_Try it_.
Copy out every record exactly.

[Collected data]
* * * *
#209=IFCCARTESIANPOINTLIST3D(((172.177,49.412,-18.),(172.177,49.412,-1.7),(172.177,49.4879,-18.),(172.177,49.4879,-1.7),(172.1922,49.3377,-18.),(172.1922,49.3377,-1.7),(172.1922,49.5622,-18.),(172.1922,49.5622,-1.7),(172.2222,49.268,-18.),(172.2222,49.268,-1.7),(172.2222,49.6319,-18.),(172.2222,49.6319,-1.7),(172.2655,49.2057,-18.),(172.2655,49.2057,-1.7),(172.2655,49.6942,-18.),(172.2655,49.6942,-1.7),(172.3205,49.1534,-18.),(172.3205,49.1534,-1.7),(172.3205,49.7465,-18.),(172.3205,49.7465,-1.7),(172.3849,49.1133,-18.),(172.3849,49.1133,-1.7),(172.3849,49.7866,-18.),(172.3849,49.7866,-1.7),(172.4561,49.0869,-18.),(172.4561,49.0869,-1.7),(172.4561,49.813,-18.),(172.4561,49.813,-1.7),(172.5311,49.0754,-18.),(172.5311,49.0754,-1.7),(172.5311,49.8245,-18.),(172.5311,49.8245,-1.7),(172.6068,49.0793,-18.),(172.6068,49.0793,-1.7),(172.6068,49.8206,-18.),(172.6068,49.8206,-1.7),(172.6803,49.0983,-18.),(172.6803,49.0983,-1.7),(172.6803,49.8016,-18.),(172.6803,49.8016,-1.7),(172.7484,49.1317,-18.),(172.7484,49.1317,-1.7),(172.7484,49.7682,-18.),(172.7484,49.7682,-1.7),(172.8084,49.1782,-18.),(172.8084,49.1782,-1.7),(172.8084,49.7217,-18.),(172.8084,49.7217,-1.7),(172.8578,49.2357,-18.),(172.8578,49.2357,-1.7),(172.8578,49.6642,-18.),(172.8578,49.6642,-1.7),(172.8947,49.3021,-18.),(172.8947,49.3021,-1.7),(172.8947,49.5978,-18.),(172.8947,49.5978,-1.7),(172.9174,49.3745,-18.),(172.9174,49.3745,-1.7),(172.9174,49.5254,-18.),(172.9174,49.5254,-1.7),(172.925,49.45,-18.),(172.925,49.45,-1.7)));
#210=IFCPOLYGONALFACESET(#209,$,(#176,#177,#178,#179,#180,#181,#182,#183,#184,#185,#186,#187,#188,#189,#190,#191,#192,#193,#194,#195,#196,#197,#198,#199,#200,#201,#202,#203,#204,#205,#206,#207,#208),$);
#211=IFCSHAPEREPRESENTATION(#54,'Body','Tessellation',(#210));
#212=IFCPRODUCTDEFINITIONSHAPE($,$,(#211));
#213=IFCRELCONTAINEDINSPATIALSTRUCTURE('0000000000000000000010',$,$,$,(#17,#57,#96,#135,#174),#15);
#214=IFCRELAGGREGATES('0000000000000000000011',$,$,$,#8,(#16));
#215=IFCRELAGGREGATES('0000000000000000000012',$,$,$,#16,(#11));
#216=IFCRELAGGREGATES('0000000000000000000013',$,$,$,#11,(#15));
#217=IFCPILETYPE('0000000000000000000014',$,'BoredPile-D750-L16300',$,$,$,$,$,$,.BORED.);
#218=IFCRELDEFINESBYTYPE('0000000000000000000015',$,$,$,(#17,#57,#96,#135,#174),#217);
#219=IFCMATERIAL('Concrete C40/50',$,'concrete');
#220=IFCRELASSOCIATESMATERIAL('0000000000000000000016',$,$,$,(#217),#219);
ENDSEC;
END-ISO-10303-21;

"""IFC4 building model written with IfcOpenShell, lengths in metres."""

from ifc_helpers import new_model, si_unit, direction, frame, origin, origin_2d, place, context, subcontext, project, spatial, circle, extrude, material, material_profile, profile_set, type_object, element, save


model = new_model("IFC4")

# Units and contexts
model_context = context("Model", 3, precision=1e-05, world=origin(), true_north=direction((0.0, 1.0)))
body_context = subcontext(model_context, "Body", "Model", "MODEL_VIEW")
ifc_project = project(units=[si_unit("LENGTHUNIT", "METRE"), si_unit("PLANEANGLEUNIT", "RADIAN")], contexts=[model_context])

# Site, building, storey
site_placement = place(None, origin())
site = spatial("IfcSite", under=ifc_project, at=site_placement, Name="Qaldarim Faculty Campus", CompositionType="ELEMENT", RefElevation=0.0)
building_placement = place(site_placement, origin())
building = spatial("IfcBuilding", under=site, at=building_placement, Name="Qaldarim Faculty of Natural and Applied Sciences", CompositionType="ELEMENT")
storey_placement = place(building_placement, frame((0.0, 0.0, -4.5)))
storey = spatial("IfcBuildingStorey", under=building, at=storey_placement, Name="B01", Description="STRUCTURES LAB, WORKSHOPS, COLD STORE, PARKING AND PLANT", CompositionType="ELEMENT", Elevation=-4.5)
* * * *
_Answer area_.
#209=IFCCARTESIANPOINTLIST3D(((172.177,49.412,-18.),(172.177,49.412,-1.7),(172.177,49.4879,-18.),(172.177,49.4879,-1.7),(172.1922,49.3377,-18.),(172.1922,49.3377,-1.7),(172.1922,49.5622,-18.),(172.1922,49.5622,-1.7),(172.2222,49.268,-18.),(172.2222,49.268,-1.7),(172.2222,49.6319,-18.),(172.2222,49.6319,-1.7),(172.2655,49.2057,-18.),(172.2655,49.2057,-1.7),(172.2655,49.6942,-18.),(172.2655,49.6942,-1.7),(172.3205,49.1534,-18.),(172.3205,49.1534,-1.7),(172.3205,49.7465,-18.),(172.3205,49.7465,-1.7),(172.3849,49.1133,-18.),(172.3849,49.1133,-1.7),(172.3849,49.7866,-18.),(172.3849,49.7866,-1.7),(172.4561,49.0869,-18.),(172.4561,49.0869,-1.7),(172.4561,49.813,-18.),(172.4561,49.813,-1.7),(172.5311,49.0754,-18.),(172.5311,49.0754,-1.7),(172.5311,49.8245,-18.),(172.5311,49.8245,-1.7),(172.6068,49.0793,-18.),(172.6068,49.0793,-1.7),(172.6068,49.8206,-18.),(172.6068,49.8206,-1.7),(172.6803,49.0983,-18.),(172.6803,49.0983,-1.7),(172.6803,49.8016,-18.),(172.6803,49.8016,-1.7),(172.7484,49.1317,-18.),(172.7484,49.1317,-1.7),(172.7484,49.7682,-18.),(172.7484,49.7682,-1.7),(172.8084,49.1782,-18.),(172.8084,49.1782,-1.7),(172.8084,49.7217,-18.),(172.8084,49.7217,-1.7),(172.8578,49.2357,-18.),(172.8578,49.2357,-1.7),(172.8578,49.6642,-18.),(172.8578,49.6642,-1.7),(172.8947,49.3021,-18.),(172.8947,49.3021,-1.7),(172.8947,49.5978,-18.),(172.8947,49.5978,-1.7),(172.9174,49.3745,-18.),(172.9174,49.3745,-1.7),(172.9174,49.5254,-18.),(172.9174,49.5254,-1.7),(172.925,49.45,-18.),(172.925,49.45,-1.7)));
#210=IFCPOLYGONALFACESET(#209,$,(#176,#177,#178,#179,#180,#181,#182,#183,#184,#185,#186,#187,#188,#189,#190,#191,#192,#193,#194,#195,#196,#197,#198,#199,#200,#201,#202,#203,#204,#205,#206,#207,#208),$);
#211=IFCSHAPEREPRESENTATION(#54,'Body','Tessellation',(#210));
#212=IFCPRODUCTDEFINITIONSHAPE($,$,(#211));
#213=IFCRELCONTAINEDINSPATIALSTRUCTURE('0000000000000000000010',$,$,$,(#17,#57,#96,#135,#174),#15);
#214=IFCRELAGGREGATES('0000000000000000000011',$,$,$,#8,(#16));
#215=IFCRELAGGREGATES('0000000000000000000012',$,$,$,#16,(#11));
#216=IFCRELAGGREGATES('0000000000000000000013',$,$,$,#11,(#15));
#217=IFCPILETYPE('0000000000000000000014',$,'BoredPile-D750-L16300',$,$,$,$,$,$,.BORED.);
#218=IFCRELDEFINESBYTYPE('0000000000000000000015',$,$,$,(#17,#57,#96,#135,#174),#217);
#219=IFCMATERIAL('Concrete C40/50',$,'concrete');
#220=IFCRELASSOCIATESMATERIAL('0000000000000000000016',$,$,$,(#217),#219);
ENDSEC;
END-ISO-10303-21;

"""IFC4 building model written with IfcOpenShell, lengths in metres."""

from ifc_helpers import new_model, si_unit, direction, frame, origin, origin_2d, place, context, subcontext, project, spatial, circle, extrude, material, material_profile, profile_set, type_object, element, save


model = new_model("IFC4")

# Units and contexts
model_context = context("Model", 3, precision=1e-05, world=origin(), true_north=direction((0.0, 1.0)))
body_context = subcontext(model_context, "Body", "Model", "MODEL_VIEW")
ifc_project = project(units=[si_unit("LENGTHUNIT", "METRE"), si_unit("PLANEANGLEUNIT", "RADIAN")], contexts=[model_context])

# Site, building, storey
site_placement = place(None, origin())
site = spatial("IfcSite", under=ifc_project, at=site_placement, Name="Qaldarim Faculty Campus", CompositionType="ELEMENT", RefElevation=0.0)
building_placement = place(site_placement, origin())
building = spatial("IfcBuilding", under=site, at=building_placement, Name="Qaldarim Faculty of Natural and Applied Sciences", CompositionType="ELEMENT")
storey_placement = place(building_placement, frame((0.0, 0.0, -4.5)))
storey = spatial("IfcBuildingStorey", under=building, at=storey_placement, Name="B01", Description="STRUCTURES LAB, WORKSHOPS, COLD STORE, PARKING AND PLANT", CompositionType="ELEMENT", Elevation=-4.5)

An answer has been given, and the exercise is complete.